All lines in the data bearing the string "Body" should be identified and copied.

___ DATA FOR ANALYSIS ___

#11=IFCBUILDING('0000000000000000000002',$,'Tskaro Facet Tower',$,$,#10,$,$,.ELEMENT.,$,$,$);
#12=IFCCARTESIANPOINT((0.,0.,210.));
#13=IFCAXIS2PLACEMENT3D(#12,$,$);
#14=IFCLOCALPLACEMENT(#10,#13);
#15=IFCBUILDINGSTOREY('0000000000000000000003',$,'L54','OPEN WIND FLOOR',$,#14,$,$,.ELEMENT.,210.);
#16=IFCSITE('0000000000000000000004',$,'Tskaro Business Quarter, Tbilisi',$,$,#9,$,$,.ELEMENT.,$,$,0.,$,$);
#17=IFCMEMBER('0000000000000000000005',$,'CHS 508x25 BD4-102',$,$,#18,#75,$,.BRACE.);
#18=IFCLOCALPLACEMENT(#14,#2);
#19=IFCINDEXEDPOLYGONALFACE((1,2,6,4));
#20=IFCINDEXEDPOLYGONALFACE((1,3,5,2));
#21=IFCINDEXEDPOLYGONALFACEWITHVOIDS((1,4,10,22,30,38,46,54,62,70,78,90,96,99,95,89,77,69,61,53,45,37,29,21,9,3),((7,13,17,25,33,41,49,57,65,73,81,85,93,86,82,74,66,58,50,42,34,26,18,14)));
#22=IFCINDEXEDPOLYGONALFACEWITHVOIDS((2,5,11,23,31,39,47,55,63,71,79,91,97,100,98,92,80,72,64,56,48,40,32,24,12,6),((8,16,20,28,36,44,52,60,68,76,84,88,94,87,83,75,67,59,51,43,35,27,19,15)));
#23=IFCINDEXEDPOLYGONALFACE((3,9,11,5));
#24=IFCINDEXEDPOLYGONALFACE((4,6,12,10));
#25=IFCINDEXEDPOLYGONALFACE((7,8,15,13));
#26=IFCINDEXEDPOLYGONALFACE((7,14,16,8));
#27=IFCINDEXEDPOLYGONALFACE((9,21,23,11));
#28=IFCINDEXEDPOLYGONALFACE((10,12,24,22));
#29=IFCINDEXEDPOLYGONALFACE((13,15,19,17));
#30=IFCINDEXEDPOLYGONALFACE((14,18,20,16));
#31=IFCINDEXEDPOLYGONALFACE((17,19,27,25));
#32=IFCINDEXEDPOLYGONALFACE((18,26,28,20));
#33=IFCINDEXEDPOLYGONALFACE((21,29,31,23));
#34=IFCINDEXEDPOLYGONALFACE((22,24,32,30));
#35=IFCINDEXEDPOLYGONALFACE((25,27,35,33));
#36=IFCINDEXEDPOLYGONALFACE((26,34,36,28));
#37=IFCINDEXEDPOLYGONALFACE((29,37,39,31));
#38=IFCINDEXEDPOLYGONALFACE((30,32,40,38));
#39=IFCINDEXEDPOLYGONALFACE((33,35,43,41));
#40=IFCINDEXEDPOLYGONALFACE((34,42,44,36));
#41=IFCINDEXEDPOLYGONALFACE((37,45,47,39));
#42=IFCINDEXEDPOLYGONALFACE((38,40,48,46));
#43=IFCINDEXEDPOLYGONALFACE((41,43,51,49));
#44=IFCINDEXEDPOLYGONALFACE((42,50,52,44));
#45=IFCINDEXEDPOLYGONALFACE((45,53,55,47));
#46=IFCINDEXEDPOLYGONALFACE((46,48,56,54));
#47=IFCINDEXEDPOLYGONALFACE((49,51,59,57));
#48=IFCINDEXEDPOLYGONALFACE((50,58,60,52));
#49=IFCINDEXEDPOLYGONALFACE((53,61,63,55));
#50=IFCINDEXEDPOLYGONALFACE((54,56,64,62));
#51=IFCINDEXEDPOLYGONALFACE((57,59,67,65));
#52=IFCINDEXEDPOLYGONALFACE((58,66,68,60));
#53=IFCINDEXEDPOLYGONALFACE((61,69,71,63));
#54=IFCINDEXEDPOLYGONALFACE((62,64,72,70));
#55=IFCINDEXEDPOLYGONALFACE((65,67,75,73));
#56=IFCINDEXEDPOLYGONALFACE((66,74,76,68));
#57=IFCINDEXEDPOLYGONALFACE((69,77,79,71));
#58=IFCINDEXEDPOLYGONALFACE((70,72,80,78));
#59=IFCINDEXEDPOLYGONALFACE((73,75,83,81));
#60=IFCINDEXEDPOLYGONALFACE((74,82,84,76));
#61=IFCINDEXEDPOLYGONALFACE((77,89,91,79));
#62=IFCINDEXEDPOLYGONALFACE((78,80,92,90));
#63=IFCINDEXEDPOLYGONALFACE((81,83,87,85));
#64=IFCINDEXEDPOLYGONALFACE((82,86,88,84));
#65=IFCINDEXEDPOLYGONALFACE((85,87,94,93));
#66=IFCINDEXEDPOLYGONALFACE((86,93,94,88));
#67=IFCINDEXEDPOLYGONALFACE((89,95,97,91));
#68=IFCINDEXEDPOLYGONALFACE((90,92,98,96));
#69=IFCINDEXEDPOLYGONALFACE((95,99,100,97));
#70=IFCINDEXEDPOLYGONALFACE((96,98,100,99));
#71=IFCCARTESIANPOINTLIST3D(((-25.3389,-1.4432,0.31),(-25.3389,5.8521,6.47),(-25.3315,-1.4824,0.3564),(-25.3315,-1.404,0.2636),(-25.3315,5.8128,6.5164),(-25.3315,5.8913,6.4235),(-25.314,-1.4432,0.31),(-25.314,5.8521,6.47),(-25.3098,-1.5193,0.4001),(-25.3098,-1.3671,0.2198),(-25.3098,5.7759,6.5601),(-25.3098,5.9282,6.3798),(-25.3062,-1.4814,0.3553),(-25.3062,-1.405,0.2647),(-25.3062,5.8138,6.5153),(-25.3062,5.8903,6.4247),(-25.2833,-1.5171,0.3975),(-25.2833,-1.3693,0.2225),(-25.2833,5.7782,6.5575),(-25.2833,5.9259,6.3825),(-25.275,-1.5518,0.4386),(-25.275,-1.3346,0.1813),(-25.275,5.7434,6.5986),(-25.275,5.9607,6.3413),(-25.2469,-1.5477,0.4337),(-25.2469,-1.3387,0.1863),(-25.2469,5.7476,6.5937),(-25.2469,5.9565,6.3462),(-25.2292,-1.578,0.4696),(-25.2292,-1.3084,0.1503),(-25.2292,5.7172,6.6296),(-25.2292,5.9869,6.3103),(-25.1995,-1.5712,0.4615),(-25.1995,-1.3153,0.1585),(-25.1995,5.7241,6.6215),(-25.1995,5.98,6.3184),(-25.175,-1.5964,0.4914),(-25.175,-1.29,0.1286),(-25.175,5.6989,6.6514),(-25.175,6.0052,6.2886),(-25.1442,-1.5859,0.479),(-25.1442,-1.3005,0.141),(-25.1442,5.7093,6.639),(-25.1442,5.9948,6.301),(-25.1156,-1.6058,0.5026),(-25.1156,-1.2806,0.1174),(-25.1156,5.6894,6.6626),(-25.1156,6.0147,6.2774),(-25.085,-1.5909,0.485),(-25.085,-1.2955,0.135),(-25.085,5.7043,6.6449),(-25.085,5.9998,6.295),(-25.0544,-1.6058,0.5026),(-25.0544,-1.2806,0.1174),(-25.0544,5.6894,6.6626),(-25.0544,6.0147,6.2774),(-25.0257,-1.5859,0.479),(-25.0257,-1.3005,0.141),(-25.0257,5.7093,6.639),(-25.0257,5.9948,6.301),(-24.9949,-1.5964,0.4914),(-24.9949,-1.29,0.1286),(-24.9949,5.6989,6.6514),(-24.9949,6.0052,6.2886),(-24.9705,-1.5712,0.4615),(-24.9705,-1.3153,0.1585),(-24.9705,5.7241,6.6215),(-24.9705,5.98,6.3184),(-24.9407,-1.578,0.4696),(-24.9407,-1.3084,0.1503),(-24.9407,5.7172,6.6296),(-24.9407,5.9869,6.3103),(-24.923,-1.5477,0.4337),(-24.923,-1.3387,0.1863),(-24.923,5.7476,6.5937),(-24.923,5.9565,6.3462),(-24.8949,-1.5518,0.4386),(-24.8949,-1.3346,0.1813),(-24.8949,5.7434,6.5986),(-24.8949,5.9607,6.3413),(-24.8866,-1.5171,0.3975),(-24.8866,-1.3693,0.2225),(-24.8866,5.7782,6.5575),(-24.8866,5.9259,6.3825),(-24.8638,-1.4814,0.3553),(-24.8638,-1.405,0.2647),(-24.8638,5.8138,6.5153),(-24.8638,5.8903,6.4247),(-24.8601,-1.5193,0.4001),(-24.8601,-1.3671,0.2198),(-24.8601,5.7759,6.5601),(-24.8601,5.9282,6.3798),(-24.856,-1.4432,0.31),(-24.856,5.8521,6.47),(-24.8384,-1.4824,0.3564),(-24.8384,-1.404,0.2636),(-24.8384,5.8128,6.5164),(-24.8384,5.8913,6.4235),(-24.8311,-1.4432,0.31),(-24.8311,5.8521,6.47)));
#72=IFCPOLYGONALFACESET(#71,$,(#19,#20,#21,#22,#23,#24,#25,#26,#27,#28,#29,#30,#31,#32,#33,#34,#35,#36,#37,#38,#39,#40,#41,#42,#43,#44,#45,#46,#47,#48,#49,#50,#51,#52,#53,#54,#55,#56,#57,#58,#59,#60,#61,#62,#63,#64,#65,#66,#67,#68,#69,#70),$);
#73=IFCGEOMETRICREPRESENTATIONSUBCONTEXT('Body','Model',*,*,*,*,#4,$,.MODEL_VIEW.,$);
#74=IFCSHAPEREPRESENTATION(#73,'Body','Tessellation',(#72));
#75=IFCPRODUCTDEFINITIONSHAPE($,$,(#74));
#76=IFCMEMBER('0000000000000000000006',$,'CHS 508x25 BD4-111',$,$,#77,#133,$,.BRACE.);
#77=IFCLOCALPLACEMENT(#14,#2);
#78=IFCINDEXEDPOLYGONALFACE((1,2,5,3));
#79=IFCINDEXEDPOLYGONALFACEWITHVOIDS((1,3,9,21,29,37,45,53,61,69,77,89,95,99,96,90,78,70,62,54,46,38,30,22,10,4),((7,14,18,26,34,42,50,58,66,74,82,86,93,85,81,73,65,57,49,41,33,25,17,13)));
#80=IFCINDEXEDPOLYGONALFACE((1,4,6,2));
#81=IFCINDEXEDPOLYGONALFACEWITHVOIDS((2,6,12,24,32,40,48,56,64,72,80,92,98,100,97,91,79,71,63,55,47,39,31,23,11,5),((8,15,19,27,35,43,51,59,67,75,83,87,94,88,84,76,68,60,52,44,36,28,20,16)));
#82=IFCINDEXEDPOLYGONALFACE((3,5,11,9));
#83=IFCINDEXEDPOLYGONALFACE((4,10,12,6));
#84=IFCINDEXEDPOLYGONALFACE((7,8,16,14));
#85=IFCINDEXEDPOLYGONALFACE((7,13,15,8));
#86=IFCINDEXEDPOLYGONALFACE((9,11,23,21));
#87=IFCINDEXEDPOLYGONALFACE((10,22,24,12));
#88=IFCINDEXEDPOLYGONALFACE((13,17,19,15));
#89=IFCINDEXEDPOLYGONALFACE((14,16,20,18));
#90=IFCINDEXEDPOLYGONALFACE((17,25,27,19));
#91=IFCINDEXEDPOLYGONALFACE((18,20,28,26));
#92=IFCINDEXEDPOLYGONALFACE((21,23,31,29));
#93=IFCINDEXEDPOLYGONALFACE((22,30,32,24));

___

● EXERCISE ANSWER:
#73=IFCGEOMETRICREPRESENTATIONSUBCONTEXT('Body','Model',*,*,*,*,#4,$,.MODEL_VIEW.,$);
#74=IFCSHAPEREPRESENTATION(#73,'Body','Tessellation',(#72));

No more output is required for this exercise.